EXERCISE BRIEF: Filter the material below so that only lines containing "IFCRELAGGREGATES" remain.

RECORD SET:

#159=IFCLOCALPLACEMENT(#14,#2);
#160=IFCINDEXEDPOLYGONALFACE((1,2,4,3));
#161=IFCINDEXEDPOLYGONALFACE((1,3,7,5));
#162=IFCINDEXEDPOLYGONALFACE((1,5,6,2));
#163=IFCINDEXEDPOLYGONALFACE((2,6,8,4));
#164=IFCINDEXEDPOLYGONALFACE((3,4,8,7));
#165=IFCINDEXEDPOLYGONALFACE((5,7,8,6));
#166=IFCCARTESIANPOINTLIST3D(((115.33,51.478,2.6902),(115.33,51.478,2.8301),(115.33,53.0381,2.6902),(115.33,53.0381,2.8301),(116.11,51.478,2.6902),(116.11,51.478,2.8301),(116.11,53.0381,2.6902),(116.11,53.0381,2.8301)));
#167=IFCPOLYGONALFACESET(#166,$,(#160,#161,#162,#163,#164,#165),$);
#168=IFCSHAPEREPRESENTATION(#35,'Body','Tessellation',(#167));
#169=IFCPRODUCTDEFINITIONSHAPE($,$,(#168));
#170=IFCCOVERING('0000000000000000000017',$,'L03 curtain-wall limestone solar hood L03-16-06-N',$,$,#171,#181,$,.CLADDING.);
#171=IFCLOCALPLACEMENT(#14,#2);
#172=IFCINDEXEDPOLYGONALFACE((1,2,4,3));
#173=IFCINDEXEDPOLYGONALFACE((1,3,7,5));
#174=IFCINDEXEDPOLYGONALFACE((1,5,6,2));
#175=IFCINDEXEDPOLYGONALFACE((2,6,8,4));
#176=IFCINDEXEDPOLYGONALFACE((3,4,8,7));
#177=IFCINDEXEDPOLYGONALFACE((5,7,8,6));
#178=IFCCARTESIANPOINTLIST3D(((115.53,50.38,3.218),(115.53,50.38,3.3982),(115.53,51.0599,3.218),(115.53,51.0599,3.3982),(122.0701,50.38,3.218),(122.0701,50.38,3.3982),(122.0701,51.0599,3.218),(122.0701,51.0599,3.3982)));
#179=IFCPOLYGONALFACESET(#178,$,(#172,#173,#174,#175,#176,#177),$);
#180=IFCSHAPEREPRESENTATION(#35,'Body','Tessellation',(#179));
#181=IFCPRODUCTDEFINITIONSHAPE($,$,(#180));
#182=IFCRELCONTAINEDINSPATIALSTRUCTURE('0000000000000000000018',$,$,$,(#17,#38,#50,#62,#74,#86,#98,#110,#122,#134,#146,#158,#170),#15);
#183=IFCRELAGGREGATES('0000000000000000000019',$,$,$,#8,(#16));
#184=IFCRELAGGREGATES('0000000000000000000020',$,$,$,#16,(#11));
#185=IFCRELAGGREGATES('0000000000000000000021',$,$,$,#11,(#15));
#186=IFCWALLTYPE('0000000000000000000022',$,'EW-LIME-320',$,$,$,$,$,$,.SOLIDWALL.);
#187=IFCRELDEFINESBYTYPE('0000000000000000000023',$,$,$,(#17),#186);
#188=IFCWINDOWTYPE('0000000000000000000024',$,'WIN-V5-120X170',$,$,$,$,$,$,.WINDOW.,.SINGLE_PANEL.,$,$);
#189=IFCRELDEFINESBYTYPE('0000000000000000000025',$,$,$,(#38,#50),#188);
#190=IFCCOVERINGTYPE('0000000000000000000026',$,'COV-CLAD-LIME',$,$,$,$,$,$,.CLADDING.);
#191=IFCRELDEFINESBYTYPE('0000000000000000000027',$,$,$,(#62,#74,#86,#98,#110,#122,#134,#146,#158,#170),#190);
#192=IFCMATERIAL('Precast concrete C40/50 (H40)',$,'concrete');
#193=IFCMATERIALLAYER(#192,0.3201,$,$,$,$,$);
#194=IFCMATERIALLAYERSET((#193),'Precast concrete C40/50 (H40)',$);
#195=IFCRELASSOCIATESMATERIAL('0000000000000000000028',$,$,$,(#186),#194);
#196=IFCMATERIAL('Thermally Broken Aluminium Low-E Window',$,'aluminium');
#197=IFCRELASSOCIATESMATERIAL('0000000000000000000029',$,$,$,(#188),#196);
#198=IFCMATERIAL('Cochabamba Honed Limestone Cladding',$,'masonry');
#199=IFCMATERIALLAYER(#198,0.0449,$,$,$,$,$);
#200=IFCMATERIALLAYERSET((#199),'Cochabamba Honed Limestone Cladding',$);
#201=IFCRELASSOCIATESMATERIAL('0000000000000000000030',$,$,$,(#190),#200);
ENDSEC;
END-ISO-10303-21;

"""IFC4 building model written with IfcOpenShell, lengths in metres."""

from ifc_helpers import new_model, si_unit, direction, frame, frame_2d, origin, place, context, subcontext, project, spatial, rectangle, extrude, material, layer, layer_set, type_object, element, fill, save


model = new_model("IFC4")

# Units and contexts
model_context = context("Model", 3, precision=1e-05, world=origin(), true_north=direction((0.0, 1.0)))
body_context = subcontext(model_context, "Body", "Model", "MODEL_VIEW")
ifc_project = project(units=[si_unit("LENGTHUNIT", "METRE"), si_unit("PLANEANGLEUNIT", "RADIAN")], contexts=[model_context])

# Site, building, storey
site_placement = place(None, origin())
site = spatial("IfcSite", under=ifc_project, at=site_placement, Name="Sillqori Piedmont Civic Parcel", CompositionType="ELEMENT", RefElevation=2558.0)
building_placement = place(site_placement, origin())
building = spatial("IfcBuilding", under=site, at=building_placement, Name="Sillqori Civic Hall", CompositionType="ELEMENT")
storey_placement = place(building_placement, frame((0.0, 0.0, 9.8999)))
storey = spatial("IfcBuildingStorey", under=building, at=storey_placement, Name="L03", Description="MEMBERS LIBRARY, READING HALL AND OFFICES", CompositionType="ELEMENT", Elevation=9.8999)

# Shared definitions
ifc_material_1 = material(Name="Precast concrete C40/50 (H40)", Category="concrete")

ANSWER TO THIS TASK:
#183=IFCRELAGGREGATES('0000000000000000000019',$,$,$,#8,(#16));
#184=IFCRELAGGREGATES('0000000000000000000020',$,$,$,#16,(#11));
#185=IFCRELAGGREGATES('0000000000000000000021',$,$,$,#11,(#15));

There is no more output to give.